→ Problem description:
Whenever a line in the data contains "element", show that line.

→ Extracted data:
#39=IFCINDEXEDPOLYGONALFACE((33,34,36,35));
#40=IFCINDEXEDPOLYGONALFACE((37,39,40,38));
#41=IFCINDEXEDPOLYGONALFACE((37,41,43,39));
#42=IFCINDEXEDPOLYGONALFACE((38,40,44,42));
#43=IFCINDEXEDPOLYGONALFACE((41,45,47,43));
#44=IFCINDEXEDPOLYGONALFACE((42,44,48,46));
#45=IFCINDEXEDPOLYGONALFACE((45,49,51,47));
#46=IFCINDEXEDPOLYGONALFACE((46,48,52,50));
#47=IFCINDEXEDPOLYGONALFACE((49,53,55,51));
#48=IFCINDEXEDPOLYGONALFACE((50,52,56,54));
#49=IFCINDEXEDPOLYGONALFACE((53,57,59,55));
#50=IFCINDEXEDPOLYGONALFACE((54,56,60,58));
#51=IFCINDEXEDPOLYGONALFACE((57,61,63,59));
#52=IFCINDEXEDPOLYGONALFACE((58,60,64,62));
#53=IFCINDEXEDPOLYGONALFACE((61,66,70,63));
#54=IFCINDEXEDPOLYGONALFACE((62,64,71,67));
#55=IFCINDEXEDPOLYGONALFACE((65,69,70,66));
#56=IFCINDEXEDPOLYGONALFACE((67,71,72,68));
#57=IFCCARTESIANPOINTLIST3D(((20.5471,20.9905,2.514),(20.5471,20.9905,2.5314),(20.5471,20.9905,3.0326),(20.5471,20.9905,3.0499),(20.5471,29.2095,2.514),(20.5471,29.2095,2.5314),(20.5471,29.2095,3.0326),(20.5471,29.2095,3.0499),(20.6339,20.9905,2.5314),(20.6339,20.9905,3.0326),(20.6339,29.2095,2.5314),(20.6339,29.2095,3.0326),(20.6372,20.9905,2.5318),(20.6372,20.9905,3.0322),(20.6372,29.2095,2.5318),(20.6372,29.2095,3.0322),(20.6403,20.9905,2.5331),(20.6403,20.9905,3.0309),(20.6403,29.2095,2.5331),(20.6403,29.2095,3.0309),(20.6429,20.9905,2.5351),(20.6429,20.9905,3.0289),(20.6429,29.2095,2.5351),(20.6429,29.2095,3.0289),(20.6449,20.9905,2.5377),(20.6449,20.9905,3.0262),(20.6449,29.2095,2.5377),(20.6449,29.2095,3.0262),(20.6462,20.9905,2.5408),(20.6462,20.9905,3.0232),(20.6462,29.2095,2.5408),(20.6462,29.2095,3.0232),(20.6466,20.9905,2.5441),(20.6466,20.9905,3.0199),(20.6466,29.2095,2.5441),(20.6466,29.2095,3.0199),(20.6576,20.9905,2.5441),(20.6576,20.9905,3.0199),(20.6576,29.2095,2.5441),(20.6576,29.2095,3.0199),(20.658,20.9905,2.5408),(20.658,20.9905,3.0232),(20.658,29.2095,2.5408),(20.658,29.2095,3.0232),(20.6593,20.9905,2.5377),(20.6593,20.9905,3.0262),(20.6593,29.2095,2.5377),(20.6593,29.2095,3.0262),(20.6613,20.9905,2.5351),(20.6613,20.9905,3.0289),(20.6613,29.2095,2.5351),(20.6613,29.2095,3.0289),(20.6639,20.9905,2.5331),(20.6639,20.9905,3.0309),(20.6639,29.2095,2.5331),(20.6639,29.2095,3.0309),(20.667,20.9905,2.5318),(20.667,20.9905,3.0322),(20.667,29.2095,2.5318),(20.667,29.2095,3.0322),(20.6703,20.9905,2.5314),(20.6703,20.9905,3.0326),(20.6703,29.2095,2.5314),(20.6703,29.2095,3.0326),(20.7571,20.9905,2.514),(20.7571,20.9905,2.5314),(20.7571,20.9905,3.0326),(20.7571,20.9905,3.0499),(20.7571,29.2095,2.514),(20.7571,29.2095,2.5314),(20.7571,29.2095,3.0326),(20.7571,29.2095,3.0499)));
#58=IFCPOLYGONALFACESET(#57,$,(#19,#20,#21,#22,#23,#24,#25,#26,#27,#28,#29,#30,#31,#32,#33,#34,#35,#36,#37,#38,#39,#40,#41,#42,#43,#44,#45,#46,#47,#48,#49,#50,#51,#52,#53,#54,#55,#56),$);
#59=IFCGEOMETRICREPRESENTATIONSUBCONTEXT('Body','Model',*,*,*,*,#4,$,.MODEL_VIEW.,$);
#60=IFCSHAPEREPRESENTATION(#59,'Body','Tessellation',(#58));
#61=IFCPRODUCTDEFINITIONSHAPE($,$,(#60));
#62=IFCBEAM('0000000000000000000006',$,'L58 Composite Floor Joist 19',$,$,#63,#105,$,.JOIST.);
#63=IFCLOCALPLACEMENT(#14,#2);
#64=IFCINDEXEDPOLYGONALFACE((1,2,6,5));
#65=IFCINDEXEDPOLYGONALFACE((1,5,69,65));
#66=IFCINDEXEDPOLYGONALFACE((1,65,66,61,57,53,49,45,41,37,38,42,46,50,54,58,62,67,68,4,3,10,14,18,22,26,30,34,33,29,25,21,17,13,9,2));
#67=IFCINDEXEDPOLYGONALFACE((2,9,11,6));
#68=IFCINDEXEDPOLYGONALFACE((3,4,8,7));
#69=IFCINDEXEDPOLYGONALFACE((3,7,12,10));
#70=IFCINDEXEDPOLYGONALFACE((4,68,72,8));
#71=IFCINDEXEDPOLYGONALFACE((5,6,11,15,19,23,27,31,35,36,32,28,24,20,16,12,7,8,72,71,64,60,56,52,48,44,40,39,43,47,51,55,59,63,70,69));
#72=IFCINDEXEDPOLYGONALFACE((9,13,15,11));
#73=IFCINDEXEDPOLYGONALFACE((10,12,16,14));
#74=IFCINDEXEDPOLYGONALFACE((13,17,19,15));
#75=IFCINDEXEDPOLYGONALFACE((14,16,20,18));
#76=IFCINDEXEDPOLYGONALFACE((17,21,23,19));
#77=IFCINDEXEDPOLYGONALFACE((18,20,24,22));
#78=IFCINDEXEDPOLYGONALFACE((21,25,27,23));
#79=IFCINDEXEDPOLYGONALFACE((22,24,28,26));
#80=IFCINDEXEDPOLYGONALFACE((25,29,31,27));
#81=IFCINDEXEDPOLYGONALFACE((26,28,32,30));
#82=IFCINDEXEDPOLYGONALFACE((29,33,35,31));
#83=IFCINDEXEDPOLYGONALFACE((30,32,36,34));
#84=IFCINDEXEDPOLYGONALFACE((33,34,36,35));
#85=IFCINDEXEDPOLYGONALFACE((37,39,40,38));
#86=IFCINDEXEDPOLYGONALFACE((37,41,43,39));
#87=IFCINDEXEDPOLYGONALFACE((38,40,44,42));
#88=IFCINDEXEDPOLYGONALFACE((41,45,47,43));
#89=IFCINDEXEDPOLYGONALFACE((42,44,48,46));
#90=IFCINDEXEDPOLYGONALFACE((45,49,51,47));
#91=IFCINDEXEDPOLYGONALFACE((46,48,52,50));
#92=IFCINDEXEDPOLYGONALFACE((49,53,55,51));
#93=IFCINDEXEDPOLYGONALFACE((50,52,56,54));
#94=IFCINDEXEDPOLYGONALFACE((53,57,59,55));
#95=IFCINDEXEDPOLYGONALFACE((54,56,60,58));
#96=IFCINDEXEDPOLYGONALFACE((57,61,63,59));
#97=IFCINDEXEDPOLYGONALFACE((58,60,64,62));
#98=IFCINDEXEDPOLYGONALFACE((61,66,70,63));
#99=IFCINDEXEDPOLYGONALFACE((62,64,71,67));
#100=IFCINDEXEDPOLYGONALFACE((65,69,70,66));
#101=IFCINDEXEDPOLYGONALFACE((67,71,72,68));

...

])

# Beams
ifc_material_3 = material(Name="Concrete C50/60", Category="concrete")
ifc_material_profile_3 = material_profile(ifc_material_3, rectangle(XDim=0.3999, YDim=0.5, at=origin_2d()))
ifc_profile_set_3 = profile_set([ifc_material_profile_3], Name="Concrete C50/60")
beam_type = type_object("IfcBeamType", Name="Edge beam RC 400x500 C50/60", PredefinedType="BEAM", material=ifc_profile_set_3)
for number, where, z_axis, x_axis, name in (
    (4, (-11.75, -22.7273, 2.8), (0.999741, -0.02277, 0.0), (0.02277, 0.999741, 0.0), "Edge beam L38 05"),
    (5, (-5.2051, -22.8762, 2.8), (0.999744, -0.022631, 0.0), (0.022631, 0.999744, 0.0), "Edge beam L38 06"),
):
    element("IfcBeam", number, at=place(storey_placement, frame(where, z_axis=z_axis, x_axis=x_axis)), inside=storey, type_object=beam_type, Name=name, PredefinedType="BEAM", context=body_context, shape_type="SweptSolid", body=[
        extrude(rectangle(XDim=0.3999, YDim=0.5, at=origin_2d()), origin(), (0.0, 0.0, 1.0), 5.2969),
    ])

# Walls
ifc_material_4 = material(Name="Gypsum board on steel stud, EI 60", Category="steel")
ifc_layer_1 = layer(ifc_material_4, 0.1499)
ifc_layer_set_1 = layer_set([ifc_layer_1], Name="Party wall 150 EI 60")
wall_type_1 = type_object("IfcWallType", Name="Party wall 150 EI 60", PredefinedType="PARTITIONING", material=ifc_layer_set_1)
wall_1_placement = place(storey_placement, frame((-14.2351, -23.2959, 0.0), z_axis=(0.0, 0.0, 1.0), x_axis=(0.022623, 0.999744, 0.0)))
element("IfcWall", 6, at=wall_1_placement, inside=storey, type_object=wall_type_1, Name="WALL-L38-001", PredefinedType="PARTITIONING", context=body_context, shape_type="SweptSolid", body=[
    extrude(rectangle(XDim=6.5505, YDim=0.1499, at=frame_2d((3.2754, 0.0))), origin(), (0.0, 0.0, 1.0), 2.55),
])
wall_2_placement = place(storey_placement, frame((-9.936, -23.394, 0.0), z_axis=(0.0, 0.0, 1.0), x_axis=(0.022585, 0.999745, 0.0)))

→ Answer box:
    element("IfcBeam", number, at=place(storey_placement, frame(where, z_axis=z_axis, x_axis=x_axis)), inside=storey, type_object=beam_type, Name=name, PredefinedType="BEAM", context=body_context, shape_type="SweptSolid", body=[
element("IfcWall", 6, at=wall_1_placement, inside=storey, type_object=wall_type_1, Name="WALL-L38-001", PredefinedType="PARTITIONING", context=body_context, shape_type="SweptSolid", body=[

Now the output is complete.